## PROBLEM TO WORK ON
Look through the records below, and copy out every line that holds the string "Core".

## Stored data
┏━━

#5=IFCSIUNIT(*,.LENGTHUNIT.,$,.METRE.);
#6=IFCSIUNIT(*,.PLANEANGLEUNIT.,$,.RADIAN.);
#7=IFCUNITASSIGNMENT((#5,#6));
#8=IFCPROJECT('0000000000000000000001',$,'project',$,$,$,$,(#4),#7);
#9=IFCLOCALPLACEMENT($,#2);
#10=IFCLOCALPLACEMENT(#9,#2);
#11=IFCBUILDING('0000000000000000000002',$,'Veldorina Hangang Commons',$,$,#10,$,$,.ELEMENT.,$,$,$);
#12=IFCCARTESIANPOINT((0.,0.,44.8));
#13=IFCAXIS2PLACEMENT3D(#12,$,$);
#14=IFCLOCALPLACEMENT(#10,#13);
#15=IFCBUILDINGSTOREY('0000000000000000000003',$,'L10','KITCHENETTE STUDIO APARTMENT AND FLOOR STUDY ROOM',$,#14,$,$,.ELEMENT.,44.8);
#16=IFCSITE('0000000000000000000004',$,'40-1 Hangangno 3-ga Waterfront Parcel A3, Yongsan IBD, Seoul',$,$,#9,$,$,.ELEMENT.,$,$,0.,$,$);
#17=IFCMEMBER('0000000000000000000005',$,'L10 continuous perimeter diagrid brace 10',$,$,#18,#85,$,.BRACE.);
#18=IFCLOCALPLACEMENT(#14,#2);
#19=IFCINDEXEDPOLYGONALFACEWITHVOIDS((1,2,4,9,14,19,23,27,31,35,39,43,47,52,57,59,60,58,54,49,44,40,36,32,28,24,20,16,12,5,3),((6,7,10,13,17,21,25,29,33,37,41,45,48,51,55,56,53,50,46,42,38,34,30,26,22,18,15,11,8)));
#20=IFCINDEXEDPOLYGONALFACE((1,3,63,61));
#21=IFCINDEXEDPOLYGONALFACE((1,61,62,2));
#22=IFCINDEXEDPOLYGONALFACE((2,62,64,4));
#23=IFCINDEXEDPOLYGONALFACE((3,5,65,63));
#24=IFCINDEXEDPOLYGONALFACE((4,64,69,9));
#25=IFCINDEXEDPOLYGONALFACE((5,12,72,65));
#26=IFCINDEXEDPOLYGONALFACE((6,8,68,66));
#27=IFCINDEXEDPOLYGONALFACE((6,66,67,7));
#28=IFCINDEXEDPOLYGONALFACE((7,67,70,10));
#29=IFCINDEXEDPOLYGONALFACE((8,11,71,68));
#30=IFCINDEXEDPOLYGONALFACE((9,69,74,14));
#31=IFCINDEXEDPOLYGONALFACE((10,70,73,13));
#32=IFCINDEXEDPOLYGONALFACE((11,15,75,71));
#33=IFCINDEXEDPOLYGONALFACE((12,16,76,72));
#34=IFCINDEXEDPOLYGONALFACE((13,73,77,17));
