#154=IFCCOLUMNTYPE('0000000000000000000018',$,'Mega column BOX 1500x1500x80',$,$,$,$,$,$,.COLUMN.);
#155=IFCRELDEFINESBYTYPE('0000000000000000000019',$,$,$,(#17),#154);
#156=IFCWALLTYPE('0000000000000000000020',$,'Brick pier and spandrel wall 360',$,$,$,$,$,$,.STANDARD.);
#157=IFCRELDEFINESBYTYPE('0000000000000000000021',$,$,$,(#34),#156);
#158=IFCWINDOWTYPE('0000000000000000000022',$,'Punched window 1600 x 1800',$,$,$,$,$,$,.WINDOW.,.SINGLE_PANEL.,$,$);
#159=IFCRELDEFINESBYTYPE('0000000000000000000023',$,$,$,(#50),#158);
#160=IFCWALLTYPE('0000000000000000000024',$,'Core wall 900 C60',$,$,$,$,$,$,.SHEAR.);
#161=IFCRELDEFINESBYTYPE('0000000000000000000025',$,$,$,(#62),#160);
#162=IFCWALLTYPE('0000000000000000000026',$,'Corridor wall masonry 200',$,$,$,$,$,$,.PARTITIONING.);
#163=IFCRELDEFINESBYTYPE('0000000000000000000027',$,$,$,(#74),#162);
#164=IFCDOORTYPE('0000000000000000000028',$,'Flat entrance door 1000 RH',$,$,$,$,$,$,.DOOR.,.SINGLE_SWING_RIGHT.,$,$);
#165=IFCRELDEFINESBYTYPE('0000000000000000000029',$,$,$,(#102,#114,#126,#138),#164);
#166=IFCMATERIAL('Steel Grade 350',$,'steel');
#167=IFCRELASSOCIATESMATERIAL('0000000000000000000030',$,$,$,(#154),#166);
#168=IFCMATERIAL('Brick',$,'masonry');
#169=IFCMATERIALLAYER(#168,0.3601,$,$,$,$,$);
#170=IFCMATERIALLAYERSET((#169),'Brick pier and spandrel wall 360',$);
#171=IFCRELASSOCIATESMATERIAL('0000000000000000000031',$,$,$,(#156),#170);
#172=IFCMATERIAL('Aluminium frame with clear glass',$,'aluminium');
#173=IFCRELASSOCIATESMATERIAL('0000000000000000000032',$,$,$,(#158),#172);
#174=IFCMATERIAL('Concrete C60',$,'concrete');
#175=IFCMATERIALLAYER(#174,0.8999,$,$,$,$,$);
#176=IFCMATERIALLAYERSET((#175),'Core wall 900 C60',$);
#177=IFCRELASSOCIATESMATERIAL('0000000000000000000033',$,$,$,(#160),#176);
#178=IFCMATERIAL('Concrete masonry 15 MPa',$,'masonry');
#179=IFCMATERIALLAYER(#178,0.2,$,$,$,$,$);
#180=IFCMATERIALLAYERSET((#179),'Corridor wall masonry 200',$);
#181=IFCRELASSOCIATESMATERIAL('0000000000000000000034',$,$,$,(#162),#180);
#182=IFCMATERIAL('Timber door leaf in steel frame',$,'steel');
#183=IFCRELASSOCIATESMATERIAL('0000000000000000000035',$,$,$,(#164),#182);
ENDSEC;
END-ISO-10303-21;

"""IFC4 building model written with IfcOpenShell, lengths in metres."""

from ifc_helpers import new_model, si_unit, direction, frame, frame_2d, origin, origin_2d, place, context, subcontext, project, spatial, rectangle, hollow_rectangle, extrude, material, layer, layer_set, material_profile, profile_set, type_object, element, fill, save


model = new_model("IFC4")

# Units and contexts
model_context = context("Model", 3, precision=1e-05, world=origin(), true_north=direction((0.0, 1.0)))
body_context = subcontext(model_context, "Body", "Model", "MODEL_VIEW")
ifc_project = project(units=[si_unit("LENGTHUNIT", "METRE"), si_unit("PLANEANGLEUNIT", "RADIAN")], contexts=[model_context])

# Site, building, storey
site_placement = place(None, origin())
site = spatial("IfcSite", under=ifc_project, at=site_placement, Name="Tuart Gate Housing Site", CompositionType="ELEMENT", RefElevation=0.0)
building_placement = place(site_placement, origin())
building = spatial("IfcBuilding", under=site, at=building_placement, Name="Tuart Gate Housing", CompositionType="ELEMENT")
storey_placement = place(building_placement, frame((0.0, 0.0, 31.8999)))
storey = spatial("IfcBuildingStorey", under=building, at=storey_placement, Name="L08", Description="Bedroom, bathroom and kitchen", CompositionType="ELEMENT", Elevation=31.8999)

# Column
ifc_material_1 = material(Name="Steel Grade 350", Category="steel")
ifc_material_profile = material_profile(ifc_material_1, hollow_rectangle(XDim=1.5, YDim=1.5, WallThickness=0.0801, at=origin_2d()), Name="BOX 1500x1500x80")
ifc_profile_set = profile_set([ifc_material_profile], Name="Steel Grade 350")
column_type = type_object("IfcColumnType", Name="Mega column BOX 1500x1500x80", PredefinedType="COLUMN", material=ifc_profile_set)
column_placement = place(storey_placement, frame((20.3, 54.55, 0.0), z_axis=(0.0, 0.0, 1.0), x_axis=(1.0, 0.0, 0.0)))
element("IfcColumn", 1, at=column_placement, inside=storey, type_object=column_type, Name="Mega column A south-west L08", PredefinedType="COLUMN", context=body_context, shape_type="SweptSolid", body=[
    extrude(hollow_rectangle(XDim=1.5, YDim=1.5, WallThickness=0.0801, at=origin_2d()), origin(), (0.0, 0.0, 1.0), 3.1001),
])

┗━━

## SOLUTION TO THIS EXERCISE
#160=IFCWALLTYPE('0000000000000000000024',$,'Core wall 900 C60',$,$,$,$,$,$,.SHEAR.);
#176=IFCMATERIALLAYERSET((#175),'Core wall 900 C60',$);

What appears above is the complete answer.